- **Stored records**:
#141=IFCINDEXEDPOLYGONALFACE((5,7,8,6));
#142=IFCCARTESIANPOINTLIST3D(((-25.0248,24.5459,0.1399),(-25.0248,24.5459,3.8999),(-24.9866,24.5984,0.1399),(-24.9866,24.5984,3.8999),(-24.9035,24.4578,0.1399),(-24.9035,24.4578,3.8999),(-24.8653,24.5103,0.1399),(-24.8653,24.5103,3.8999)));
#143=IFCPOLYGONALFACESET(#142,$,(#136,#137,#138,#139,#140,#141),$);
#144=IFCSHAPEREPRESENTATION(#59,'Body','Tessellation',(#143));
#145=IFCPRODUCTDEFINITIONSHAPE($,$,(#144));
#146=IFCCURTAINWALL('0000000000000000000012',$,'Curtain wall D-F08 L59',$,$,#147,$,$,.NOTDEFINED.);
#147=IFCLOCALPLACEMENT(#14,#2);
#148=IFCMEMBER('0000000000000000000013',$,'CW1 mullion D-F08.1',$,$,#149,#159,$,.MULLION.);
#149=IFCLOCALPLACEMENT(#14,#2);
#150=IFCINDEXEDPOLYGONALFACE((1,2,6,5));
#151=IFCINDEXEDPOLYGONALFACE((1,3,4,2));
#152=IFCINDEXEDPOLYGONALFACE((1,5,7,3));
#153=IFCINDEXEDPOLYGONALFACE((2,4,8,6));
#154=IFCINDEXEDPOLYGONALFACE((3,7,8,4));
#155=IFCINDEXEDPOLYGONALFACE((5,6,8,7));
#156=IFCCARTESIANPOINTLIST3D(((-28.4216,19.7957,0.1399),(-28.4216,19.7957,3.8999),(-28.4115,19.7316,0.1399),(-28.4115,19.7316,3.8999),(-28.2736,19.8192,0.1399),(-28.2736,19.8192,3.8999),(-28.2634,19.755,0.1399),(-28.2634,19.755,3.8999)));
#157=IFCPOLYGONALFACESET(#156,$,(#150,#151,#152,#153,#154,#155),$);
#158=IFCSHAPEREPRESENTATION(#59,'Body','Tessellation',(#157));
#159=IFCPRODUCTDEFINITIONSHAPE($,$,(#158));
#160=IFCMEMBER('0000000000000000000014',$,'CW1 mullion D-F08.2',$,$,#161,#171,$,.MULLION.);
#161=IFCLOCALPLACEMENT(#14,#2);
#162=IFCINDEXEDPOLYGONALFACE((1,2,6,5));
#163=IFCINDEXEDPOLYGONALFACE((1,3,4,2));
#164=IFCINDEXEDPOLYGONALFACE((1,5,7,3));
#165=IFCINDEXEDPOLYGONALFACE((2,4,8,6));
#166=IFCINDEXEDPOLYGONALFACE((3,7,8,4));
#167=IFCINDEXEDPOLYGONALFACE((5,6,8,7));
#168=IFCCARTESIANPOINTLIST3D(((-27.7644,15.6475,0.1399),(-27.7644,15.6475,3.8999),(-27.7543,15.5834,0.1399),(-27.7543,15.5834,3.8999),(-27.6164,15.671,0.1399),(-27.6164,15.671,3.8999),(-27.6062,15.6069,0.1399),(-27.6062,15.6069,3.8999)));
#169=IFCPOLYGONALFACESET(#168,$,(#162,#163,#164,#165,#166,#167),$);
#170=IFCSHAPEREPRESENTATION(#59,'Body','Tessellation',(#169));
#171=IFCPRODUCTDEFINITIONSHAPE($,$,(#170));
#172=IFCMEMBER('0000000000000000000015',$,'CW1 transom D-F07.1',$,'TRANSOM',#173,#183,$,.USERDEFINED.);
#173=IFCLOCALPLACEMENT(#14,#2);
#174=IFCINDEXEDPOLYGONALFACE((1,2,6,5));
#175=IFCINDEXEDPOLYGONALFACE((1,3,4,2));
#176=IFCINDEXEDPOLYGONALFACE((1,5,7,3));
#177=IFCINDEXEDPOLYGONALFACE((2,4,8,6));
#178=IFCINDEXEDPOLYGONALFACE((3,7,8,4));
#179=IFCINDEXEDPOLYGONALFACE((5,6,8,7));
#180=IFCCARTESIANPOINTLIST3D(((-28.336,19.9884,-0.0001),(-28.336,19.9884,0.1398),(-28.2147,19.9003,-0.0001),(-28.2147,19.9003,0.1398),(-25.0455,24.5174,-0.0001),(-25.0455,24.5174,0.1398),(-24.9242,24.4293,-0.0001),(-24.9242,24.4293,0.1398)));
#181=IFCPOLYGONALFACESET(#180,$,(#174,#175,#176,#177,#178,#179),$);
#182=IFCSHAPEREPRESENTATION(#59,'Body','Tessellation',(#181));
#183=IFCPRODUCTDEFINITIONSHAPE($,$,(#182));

==

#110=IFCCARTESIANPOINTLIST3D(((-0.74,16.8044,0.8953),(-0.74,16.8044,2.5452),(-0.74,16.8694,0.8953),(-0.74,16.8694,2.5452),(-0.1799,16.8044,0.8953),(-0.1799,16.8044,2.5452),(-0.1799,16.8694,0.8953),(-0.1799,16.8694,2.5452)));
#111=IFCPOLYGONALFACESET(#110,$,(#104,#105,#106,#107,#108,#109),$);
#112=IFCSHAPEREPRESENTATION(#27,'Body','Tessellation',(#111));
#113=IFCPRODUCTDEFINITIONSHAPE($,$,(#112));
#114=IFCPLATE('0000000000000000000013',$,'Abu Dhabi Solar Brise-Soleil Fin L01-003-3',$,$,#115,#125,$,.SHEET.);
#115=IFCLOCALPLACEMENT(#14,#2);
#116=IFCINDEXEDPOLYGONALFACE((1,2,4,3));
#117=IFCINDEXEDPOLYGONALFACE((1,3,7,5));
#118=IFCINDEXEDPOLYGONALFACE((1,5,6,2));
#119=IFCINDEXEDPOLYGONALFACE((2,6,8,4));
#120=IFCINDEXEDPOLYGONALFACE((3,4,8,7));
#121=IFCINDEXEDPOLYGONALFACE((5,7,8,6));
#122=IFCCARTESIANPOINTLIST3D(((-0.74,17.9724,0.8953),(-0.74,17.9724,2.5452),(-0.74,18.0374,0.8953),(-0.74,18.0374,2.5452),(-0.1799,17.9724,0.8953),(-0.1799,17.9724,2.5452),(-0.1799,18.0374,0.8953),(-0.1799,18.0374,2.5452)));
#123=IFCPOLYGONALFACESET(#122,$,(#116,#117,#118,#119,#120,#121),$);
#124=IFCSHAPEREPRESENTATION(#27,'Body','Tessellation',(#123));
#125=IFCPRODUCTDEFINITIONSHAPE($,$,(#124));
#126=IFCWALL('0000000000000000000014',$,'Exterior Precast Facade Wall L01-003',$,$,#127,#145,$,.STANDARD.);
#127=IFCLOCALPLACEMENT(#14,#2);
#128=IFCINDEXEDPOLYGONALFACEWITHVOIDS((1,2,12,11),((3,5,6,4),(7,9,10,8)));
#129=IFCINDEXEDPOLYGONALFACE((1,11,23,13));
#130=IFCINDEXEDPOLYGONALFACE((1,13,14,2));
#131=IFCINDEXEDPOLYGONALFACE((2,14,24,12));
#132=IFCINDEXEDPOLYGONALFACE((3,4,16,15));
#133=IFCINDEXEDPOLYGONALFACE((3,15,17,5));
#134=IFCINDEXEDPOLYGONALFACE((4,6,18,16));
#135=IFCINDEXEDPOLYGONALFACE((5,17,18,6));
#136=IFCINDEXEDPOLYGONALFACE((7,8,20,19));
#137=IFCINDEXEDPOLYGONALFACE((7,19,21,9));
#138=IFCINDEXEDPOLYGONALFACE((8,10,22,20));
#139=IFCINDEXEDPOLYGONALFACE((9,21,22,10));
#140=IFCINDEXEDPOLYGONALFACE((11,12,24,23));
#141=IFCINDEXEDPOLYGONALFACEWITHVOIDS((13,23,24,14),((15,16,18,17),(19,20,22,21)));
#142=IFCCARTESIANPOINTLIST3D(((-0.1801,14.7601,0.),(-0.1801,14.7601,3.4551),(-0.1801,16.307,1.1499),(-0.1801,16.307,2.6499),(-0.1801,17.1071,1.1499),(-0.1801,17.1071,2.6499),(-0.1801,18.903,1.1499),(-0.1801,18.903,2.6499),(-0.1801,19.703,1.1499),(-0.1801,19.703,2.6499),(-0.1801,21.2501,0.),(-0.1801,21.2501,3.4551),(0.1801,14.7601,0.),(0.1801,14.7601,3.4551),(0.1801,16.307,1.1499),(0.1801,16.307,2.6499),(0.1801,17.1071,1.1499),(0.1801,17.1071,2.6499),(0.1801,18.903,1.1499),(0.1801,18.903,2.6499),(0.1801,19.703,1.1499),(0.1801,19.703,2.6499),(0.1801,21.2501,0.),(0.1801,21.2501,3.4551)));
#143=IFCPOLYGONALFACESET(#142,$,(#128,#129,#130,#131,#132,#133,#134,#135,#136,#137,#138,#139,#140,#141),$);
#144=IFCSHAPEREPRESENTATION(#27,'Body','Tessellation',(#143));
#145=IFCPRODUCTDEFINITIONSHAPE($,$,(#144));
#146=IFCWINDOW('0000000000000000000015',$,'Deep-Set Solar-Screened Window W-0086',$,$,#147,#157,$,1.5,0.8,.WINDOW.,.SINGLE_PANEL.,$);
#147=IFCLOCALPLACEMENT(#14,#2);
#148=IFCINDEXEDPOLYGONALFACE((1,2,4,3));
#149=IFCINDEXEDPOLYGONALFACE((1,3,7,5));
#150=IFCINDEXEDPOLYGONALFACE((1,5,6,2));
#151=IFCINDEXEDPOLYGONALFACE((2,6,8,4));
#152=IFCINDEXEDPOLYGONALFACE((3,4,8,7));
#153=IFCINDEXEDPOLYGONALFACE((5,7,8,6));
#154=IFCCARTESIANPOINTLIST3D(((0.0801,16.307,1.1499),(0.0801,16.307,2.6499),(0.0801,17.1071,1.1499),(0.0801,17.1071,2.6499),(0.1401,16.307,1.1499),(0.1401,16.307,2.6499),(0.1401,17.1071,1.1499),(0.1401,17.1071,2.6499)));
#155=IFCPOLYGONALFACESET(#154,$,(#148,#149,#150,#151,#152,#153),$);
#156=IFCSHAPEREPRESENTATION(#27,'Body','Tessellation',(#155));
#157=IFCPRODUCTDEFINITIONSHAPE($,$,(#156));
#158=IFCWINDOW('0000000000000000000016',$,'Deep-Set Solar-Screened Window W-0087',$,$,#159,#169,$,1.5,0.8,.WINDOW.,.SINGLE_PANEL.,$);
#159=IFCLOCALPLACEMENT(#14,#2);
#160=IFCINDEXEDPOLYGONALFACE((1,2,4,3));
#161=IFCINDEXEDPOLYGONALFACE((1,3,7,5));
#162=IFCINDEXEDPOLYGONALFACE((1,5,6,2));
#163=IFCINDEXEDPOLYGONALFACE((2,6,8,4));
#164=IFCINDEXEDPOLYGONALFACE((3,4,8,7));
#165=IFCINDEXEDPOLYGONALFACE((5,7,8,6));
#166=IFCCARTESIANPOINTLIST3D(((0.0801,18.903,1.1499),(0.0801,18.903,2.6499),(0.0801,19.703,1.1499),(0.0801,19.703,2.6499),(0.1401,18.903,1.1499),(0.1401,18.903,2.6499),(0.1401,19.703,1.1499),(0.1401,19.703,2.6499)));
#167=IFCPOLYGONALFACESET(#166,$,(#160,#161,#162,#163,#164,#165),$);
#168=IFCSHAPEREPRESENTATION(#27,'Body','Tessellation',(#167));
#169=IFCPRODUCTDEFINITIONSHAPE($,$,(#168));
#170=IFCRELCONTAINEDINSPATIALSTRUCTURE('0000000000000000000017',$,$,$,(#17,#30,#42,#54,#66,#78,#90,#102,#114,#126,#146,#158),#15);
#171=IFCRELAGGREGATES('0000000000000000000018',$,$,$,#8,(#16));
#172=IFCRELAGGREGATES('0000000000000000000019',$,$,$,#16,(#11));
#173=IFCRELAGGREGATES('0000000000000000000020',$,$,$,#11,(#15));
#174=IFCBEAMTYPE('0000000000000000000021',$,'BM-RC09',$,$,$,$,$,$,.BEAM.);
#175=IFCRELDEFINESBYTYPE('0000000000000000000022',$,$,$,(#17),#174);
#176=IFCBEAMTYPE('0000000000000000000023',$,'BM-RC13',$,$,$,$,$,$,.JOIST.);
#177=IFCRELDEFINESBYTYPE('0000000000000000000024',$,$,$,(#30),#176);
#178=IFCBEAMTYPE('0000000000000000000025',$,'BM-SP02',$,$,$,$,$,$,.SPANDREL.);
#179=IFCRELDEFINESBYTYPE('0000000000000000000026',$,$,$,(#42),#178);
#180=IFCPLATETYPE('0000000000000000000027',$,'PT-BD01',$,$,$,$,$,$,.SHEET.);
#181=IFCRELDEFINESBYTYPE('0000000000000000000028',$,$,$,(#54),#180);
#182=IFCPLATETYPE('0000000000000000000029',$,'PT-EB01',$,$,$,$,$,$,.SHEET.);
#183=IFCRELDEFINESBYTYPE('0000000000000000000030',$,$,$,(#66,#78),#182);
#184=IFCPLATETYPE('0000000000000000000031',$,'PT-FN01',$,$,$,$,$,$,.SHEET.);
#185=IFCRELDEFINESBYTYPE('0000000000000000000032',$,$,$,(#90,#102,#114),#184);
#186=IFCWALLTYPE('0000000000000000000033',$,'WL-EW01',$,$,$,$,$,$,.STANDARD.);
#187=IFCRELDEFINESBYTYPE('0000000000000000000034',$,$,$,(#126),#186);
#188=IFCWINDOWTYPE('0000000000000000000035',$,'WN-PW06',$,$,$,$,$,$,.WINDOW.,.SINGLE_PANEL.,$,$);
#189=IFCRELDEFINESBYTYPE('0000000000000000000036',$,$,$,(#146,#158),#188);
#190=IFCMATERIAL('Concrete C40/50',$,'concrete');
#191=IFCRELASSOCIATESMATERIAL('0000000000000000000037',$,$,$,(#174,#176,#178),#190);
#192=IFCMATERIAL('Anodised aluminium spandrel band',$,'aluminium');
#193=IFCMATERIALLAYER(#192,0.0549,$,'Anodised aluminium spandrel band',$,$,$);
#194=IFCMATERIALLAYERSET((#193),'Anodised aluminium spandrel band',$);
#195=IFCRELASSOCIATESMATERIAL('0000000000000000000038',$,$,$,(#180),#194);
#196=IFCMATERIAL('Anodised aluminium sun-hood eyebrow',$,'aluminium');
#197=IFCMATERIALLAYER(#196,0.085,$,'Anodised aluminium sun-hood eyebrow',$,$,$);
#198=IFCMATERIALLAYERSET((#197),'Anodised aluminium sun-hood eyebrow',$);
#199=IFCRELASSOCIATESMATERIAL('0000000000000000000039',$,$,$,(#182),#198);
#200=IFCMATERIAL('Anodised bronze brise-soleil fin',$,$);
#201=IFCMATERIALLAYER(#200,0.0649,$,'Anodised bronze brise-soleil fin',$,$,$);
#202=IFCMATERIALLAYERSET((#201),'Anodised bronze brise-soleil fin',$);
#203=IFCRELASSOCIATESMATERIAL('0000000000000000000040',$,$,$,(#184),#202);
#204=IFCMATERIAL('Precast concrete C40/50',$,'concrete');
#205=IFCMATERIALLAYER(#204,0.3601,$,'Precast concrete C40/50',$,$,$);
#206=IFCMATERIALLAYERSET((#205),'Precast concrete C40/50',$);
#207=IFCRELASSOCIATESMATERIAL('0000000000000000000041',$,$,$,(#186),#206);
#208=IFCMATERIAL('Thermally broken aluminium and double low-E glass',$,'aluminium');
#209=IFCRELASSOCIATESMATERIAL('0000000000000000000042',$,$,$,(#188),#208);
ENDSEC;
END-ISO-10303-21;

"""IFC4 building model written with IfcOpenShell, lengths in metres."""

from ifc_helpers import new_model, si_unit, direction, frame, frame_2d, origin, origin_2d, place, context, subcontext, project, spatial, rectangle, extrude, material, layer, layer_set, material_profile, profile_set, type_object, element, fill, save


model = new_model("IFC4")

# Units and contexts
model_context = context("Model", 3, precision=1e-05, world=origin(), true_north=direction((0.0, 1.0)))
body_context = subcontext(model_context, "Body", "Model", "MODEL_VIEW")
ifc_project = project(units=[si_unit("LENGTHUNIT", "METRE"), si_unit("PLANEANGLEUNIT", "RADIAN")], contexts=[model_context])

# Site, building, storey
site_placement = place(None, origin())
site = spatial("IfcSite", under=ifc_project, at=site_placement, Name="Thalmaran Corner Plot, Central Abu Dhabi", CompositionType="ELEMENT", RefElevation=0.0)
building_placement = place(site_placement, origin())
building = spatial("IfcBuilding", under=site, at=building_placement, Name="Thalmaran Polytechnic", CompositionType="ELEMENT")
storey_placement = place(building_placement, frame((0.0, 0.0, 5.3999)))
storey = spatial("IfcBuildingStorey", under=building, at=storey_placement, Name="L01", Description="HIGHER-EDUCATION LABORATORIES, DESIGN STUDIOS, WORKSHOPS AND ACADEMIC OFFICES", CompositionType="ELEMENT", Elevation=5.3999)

- **The problem**:
Copy out each line carrying the string "IFCBEAMTYPE" from the data.

- **Task solution**:
#174=IFCBEAMTYPE('0000000000000000000021',$,'BM-RC09',$,$,$,$,$,$,.BEAM.);
#176=IFCBEAMTYPE('0000000000000000000023',$,'BM-RC13',$,$,$,$,$,$,.JOIST.);
#178=IFCBEAMTYPE('0000000000000000000025',$,'BM-SP02',$,$,$,$,$,$,.SPANDREL.);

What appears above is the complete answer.